How to complete this task: Retype, word for word, every line of the records below starting at the one that contains "#23=IFCINDEXEDPOLYGONALFACE((1,5,6,2));" and ending at the one that contains "#51=IFCINDEXEDPOLYGONALFACE((5,7,8,6));"; include both of those lines and nothing more.

# # # # # # #

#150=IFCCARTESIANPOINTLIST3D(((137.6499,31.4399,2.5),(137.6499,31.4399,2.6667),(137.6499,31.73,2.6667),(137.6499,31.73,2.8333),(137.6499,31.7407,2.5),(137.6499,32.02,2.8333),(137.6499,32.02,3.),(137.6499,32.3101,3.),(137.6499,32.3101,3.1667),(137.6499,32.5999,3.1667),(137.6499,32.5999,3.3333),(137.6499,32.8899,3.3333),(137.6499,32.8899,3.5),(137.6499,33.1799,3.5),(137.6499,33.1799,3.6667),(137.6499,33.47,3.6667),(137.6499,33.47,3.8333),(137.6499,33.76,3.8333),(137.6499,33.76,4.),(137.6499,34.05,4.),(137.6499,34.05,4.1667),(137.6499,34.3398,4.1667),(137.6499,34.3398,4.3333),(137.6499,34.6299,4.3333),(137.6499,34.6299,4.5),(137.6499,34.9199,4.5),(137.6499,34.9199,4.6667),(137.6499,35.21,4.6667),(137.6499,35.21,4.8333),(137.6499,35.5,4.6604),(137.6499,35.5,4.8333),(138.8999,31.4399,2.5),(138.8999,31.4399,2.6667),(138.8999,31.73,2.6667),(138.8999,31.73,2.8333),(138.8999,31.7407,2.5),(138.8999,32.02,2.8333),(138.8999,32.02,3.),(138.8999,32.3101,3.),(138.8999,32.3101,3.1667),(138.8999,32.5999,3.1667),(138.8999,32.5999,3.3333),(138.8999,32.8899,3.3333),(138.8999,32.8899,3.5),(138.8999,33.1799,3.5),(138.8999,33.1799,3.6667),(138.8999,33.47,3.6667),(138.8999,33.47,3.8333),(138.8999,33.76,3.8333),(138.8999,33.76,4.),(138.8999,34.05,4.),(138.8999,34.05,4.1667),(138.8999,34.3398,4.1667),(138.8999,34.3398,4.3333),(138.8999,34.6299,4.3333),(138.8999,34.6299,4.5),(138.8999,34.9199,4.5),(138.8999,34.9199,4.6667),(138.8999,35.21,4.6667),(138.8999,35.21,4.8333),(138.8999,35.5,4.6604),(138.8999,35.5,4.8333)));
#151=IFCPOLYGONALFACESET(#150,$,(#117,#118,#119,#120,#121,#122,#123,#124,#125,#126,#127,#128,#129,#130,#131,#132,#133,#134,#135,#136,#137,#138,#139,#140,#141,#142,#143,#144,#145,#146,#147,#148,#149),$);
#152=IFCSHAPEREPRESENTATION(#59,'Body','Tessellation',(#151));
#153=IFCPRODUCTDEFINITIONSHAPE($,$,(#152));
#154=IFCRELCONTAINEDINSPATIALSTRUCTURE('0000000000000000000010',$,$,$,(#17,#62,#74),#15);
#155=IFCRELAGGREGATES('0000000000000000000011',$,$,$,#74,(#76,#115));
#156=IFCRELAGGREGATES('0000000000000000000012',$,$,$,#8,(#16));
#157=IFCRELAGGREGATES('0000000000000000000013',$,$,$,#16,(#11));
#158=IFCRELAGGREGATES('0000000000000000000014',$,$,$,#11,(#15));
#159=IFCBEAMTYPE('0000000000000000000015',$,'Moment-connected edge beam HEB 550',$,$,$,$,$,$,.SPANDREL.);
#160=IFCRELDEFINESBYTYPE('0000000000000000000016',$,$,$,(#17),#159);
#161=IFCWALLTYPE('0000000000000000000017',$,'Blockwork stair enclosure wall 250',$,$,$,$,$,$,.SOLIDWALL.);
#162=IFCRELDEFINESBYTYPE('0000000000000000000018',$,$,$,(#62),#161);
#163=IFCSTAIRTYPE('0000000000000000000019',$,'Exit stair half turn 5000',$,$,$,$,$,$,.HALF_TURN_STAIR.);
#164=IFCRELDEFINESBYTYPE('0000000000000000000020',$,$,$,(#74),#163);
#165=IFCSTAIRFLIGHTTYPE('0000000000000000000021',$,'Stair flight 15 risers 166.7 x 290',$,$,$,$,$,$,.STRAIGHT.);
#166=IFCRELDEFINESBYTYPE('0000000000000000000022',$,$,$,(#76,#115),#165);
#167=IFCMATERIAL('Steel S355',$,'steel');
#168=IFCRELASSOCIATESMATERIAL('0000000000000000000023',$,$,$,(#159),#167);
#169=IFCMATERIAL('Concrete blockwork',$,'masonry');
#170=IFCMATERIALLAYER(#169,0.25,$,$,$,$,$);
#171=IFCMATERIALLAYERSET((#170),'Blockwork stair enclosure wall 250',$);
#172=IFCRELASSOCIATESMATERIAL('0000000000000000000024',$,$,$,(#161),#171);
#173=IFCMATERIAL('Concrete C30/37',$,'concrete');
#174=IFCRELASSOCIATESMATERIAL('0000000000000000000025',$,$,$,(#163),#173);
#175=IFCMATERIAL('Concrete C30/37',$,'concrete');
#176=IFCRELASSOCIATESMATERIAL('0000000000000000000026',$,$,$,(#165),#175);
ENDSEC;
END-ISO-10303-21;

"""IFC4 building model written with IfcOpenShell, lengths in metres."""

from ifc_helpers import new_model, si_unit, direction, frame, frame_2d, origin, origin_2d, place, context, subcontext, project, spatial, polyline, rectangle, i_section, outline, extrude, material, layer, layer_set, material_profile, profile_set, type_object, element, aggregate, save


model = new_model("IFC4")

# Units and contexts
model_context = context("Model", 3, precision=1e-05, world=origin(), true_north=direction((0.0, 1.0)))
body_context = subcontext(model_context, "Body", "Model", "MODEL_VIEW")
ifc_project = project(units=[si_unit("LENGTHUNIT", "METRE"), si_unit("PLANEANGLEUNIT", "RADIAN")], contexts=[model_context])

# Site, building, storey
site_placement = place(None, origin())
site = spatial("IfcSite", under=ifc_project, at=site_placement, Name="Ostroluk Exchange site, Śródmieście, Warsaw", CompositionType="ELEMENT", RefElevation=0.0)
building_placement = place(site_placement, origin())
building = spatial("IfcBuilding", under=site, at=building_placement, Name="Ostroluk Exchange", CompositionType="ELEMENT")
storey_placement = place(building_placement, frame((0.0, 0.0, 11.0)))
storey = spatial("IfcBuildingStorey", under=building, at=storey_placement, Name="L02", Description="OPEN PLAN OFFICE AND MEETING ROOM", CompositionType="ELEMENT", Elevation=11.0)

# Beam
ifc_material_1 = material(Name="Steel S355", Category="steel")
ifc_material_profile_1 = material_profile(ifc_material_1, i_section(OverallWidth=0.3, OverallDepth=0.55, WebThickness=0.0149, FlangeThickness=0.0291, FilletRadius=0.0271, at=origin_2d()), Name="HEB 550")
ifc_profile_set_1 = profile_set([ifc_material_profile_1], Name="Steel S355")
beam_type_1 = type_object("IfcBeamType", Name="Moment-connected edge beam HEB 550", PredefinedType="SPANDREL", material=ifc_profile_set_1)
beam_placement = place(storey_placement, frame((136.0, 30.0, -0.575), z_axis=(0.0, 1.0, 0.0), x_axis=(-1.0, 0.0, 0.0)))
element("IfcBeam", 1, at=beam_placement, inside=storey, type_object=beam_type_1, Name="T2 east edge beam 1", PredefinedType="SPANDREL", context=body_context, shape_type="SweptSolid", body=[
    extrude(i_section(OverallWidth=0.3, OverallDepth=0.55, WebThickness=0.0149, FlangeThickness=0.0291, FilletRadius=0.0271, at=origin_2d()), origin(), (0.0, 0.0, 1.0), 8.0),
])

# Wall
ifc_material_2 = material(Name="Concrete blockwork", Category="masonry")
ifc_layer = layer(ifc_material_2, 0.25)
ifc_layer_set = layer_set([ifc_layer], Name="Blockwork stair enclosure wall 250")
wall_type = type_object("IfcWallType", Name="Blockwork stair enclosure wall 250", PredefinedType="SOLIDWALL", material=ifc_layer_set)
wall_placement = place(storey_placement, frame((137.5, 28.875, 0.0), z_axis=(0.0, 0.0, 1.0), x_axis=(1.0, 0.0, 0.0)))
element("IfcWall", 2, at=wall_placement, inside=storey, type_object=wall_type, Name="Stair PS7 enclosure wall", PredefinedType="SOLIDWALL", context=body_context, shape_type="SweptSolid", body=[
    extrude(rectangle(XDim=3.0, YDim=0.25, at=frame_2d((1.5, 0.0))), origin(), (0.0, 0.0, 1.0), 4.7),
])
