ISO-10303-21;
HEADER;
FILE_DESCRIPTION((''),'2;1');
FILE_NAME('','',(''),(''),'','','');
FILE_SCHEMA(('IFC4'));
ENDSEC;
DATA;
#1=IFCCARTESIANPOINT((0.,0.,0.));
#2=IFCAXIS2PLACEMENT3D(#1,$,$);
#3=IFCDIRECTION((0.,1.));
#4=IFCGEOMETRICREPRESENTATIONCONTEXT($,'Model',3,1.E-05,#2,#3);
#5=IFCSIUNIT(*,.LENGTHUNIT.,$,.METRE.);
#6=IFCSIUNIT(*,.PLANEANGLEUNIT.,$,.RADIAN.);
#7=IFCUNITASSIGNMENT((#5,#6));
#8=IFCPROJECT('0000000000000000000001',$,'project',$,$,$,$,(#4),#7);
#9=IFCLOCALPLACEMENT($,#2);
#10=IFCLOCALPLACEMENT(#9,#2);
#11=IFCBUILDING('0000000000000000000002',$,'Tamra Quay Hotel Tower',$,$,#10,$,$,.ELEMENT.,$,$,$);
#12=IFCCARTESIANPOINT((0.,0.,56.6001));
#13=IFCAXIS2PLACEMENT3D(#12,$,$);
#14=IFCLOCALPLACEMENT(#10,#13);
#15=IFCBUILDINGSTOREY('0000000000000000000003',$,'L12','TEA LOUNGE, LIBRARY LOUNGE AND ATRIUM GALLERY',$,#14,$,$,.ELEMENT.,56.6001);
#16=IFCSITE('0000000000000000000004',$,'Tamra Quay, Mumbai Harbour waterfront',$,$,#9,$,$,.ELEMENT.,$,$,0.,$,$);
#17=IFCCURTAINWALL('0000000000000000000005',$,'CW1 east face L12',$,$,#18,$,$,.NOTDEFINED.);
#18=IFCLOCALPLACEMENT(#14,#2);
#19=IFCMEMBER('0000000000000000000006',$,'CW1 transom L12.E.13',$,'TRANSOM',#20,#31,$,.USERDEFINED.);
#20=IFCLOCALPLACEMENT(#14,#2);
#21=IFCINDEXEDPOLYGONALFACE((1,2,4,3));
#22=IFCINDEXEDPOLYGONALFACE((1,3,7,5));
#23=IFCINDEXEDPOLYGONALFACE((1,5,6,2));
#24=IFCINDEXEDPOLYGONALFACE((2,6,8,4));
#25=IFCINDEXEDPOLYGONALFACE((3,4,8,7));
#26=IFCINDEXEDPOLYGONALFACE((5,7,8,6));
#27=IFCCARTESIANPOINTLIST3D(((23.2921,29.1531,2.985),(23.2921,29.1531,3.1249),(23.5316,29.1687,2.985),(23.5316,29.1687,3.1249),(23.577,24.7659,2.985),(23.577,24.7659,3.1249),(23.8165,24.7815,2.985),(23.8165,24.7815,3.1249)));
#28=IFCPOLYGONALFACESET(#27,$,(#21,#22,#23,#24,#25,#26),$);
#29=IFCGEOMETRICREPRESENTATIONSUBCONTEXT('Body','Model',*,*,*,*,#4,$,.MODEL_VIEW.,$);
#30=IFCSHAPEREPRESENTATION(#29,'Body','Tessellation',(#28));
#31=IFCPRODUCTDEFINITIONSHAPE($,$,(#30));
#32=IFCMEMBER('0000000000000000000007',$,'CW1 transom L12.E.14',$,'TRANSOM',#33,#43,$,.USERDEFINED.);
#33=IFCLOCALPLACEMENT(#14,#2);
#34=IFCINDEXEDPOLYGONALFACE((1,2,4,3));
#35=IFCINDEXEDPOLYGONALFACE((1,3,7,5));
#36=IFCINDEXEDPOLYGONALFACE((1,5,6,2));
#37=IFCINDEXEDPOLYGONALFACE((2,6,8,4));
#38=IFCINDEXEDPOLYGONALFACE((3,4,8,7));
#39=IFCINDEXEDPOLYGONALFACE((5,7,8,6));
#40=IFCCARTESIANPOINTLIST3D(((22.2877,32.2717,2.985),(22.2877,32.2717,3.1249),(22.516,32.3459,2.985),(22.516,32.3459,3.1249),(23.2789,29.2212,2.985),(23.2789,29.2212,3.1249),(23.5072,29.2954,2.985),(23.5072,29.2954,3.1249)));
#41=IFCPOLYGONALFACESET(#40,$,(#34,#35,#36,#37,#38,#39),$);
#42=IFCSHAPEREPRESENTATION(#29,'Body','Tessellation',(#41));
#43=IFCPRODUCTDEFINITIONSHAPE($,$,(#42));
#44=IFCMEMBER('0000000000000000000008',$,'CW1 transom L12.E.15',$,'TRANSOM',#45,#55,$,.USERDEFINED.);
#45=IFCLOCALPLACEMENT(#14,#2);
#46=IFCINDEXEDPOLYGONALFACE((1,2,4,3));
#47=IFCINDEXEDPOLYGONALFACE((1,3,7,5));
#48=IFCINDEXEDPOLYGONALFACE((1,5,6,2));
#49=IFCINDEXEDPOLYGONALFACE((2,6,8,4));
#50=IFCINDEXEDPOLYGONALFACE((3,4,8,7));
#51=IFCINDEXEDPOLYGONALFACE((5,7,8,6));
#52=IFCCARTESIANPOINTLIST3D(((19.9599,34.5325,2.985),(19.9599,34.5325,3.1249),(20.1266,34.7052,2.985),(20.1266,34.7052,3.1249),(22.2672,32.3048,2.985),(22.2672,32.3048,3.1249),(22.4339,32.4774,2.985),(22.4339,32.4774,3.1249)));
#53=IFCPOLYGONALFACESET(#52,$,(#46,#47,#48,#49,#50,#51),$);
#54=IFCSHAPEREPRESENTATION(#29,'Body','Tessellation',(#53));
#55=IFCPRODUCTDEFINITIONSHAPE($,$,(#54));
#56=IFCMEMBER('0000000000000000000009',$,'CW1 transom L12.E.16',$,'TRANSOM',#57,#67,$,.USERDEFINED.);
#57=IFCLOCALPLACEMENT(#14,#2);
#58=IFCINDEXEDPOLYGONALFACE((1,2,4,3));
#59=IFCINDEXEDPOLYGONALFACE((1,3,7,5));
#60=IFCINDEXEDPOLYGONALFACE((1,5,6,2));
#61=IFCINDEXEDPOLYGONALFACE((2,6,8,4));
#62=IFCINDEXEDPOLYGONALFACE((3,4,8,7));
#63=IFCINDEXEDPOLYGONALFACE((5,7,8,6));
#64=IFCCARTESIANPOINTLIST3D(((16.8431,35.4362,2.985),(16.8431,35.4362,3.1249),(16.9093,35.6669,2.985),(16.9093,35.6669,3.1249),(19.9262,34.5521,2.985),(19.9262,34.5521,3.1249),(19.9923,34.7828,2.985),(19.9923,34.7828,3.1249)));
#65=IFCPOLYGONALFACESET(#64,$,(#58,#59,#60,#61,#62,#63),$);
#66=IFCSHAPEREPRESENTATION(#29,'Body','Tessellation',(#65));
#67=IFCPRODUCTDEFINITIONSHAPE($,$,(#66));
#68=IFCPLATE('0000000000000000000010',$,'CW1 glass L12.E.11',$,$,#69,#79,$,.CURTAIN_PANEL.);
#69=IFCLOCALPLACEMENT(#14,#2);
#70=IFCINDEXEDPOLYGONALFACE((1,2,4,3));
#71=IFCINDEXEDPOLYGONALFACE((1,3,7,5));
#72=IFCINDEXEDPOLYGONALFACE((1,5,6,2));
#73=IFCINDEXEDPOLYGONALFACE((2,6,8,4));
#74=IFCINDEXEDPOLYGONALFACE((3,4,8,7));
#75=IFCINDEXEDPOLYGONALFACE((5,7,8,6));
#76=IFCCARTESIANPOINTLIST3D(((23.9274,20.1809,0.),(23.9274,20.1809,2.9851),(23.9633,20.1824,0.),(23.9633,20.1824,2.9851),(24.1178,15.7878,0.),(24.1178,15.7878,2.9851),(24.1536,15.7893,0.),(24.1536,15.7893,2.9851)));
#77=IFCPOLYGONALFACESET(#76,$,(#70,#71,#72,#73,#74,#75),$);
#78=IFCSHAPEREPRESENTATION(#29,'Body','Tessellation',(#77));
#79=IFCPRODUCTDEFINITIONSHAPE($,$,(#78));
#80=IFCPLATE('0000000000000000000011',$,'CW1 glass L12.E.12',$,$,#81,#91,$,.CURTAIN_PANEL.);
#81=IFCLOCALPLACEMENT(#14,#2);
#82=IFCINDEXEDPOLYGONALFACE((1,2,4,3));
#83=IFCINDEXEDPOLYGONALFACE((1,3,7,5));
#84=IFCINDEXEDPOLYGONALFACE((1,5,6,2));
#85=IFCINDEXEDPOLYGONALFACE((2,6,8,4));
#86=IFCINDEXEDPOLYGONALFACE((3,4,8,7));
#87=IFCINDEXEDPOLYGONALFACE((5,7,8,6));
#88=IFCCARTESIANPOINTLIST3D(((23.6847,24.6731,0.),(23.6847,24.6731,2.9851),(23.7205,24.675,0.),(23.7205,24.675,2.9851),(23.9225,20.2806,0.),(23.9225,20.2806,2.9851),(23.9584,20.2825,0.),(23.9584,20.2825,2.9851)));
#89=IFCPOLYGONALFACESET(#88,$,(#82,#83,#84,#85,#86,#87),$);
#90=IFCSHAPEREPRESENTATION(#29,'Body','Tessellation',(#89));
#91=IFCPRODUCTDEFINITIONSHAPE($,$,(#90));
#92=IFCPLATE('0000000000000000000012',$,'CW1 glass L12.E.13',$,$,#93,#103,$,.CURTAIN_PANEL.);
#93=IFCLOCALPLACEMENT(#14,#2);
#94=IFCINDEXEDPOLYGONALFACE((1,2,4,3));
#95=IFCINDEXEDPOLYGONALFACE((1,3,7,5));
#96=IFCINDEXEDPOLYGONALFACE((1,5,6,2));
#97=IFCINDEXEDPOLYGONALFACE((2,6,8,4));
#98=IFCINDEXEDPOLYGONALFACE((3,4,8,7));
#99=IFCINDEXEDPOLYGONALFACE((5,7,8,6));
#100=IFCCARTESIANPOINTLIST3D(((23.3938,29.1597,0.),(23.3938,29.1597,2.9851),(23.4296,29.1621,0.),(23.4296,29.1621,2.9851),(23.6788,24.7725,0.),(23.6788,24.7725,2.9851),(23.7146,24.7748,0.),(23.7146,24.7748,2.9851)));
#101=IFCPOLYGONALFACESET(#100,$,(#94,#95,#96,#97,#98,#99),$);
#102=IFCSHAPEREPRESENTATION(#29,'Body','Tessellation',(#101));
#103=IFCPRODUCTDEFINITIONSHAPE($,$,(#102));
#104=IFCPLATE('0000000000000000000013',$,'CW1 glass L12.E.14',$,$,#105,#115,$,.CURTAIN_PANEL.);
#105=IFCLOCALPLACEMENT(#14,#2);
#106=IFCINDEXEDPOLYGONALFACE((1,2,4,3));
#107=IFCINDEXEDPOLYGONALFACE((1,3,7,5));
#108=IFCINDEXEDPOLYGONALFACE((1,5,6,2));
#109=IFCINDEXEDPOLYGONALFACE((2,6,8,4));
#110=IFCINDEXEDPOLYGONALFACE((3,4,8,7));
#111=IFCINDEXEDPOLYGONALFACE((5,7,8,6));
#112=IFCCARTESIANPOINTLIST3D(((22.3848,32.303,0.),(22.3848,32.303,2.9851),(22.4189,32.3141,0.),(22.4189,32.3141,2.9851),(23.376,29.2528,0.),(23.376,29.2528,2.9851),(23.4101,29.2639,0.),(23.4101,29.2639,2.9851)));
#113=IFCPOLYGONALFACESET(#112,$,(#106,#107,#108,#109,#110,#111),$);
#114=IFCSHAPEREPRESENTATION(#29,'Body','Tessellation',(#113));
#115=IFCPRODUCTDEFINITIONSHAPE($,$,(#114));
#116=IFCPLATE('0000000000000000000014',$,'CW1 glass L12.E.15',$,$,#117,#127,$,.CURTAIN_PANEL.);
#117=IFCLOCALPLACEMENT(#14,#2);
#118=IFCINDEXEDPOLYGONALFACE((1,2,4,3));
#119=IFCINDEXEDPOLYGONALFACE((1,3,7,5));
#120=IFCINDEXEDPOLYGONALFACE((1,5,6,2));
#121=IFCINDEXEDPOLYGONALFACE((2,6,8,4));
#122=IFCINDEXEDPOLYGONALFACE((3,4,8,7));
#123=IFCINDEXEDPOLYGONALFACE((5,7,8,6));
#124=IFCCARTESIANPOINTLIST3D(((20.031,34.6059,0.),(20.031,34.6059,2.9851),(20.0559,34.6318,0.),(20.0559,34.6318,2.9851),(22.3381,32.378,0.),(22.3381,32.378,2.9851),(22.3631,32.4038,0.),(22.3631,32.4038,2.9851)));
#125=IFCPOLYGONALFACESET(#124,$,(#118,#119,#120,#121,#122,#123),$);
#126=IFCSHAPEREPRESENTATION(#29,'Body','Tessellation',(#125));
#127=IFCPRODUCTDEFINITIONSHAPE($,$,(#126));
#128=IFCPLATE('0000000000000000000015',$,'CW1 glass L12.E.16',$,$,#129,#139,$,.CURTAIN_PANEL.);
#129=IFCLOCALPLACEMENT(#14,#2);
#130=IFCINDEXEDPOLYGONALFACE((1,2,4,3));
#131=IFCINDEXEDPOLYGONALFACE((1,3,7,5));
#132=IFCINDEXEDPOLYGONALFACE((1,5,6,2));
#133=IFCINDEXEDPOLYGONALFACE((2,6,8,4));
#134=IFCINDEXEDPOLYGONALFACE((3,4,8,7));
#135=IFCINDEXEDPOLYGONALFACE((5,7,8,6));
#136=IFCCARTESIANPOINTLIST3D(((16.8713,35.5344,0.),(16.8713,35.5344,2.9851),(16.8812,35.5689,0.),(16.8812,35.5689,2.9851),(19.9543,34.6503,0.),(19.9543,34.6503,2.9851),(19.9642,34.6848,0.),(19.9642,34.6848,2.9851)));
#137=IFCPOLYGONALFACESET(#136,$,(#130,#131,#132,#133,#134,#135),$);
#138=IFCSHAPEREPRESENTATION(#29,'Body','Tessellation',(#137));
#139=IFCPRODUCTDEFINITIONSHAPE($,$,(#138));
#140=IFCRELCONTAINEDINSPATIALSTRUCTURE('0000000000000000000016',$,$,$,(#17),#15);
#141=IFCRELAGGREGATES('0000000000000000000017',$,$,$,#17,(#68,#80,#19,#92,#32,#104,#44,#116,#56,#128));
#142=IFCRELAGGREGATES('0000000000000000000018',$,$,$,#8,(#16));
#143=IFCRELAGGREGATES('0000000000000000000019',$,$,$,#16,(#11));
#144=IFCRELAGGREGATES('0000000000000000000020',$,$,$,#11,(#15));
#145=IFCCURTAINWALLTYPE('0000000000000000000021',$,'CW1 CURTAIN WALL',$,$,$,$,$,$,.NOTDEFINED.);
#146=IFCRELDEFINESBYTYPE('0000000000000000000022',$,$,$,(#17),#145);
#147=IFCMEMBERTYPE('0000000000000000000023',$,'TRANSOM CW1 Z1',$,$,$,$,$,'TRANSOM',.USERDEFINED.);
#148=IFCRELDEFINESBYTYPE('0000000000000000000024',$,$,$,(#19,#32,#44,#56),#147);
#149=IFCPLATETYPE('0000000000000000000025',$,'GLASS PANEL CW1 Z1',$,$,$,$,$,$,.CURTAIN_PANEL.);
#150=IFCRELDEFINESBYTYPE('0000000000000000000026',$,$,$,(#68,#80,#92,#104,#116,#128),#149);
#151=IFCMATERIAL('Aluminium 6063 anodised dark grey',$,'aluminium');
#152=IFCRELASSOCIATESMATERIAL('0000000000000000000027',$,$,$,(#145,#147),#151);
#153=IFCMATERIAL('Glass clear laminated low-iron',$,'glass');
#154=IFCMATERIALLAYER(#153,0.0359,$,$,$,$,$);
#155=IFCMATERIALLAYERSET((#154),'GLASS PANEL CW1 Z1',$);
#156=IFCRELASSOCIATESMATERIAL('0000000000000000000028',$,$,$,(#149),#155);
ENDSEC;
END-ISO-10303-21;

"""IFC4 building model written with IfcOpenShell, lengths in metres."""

from ifc_helpers import new_model, si_unit, direction, frame, origin, origin_2d, place, context, subcontext, project, spatial, rectangle, extrude, material, layer, layer_set, material_profile, profile_set, type_object, element, aggregate, save


model = new_model("IFC4")

# Units and contexts
model_context = context("Model", 3, precision=1e-05, world=origin(), true_north=direction((0.0, 1.0)))
body_context = subcontext(model_context, "Body", "Model", "MODEL_VIEW")
ifc_project = project(units=[si_unit("LENGTHUNIT", "METRE"), si_unit("PLANEANGLEUNIT", "RADIAN")], contexts=[model_context])

# Site, building, storey
site_placement = place(None, origin())
site = spatial("IfcSite", under=ifc_project, at=site_placement, Name="Tamra Quay, Mumbai Harbour waterfront", CompositionType="ELEMENT", RefElevation=0.0)
building_placement = place(site_placement, origin())
building = spatial("IfcBuilding", under=site, at=building_placement, Name="Tamra Quay Hotel Tower", CompositionType="ELEMENT")
storey_placement = place(building_placement, frame((0.0, 0.0, 56.6001)))
storey = spatial("IfcBuildingStorey", under=building, at=storey_placement, Name="L12", Description="TEA LOUNGE, LIBRARY LOUNGE AND ATRIUM GALLERY", CompositionType="ELEMENT", Elevation=56.6001)

# Curtain wall
ifc_material_1 = material(Name="Aluminium 6063 anodised dark grey", Category="aluminium")
curtain_wall_type = type_object("IfcCurtainWallType", Name="CW1 CURTAIN WALL", PredefinedType="NOTDEFINED", material=ifc_material_1)
curtain_wall_placement = place(storey_placement, origin())
curtain_wall = element("IfcCurtainWall", 1, at=curtain_wall_placement, inside=storey, type_object=curtain_wall_type, Name="CW1 east face L12", PredefinedType="NOTDEFINED")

# # # # # # #

Reply:
#23=IFCINDEXEDPOLYGONALFACE((1,5,6,2));
#24=IFCINDEXEDPOLYGONALFACE((2,6,8,4));
#25=IFCINDEXEDPOLYGONALFACE((3,4,8,7));
#26=IFCINDEXEDPOLYGONALFACE((5,7,8,6));
#27=IFCCARTESIANPOINTLIST3D(((23.2921,29.1531,2.985),(23.2921,29.1531,3.1249),(23.5316,29.1687,2.985),(23.5316,29.1687,3.1249),(23.577,24.7659,2.985),(23.577,24.7659,3.1249),(23.8165,24.7815,2.985),(23.8165,24.7815,3.1249)));
#28=IFCPOLYGONALFACESET(#27,$,(#21,#22,#23,#24,#25,#26),$);
#29=IFCGEOMETRICREPRESENTATIONSUBCONTEXT('Body','Model',*,*,*,*,#4,$,.MODEL_VIEW.,$);
#30=IFCSHAPEREPRESENTATION(#29,'Body','Tessellation',(#28));
#31=IFCPRODUCTDEFINITIONSHAPE($,$,(#30));
#32=IFCMEMBER('0000000000000000000007',$,'CW1 transom L12.E.14',$,'TRANSOM',#33,#43,$,.USERDEFINED.);
#33=IFCLOCALPLACEMENT(#14,#2);
#34=IFCINDEXEDPOLYGONALFACE((1,2,4,3));
#35=IFCINDEXEDPOLYGONALFACE((1,3,7,5));
#36=IFCINDEXEDPOLYGONALFACE((1,5,6,2));
#37=IFCINDEXEDPOLYGONALFACE((2,6,8,4));
#38=IFCINDEXEDPOLYGONALFACE((3,4,8,7));
#39=IFCINDEXEDPOLYGONALFACE((5,7,8,6));
#40=IFCCARTESIANPOINTLIST3D(((22.2877,32.2717,2.985),(22.2877,32.2717,3.1249),(22.516,32.3459,2.985),(22.516,32.3459,3.1249),(23.2789,29.2212,2.985),(23.2789,29.2212,3.1249),(23.5072,29.2954,2.985),(23.5072,29.2954,3.1249)));
#41=IFCPOLYGONALFACESET(#40,$,(#34,#35,#36,#37,#38,#39),$);
#42=IFCSHAPEREPRESENTATION(#29,'Body','Tessellation',(#41));
#43=IFCPRODUCTDEFINITIONSHAPE($,$,(#42));
#44=IFCMEMBER('0000000000000000000008',$,'CW1 transom L12.E.15',$,'TRANSOM',#45,#55,$,.USERDEFINED.);
#45=IFCLOCALPLACEMENT(#14,#2);
#46=IFCINDEXEDPOLYGONALFACE((1,2,4,3));
#47=IFCINDEXEDPOLYGONALFACE((1,3,7,5));
#48=IFCINDEXEDPOLYGONALFACE((1,5,6,2));
#49=IFCINDEXEDPOLYGONALFACE((2,6,8,4));
#50=IFCINDEXEDPOLYGONALFACE((3,4,8,7));
#51=IFCINDEXEDPOLYGONALFACE((5,7,8,6));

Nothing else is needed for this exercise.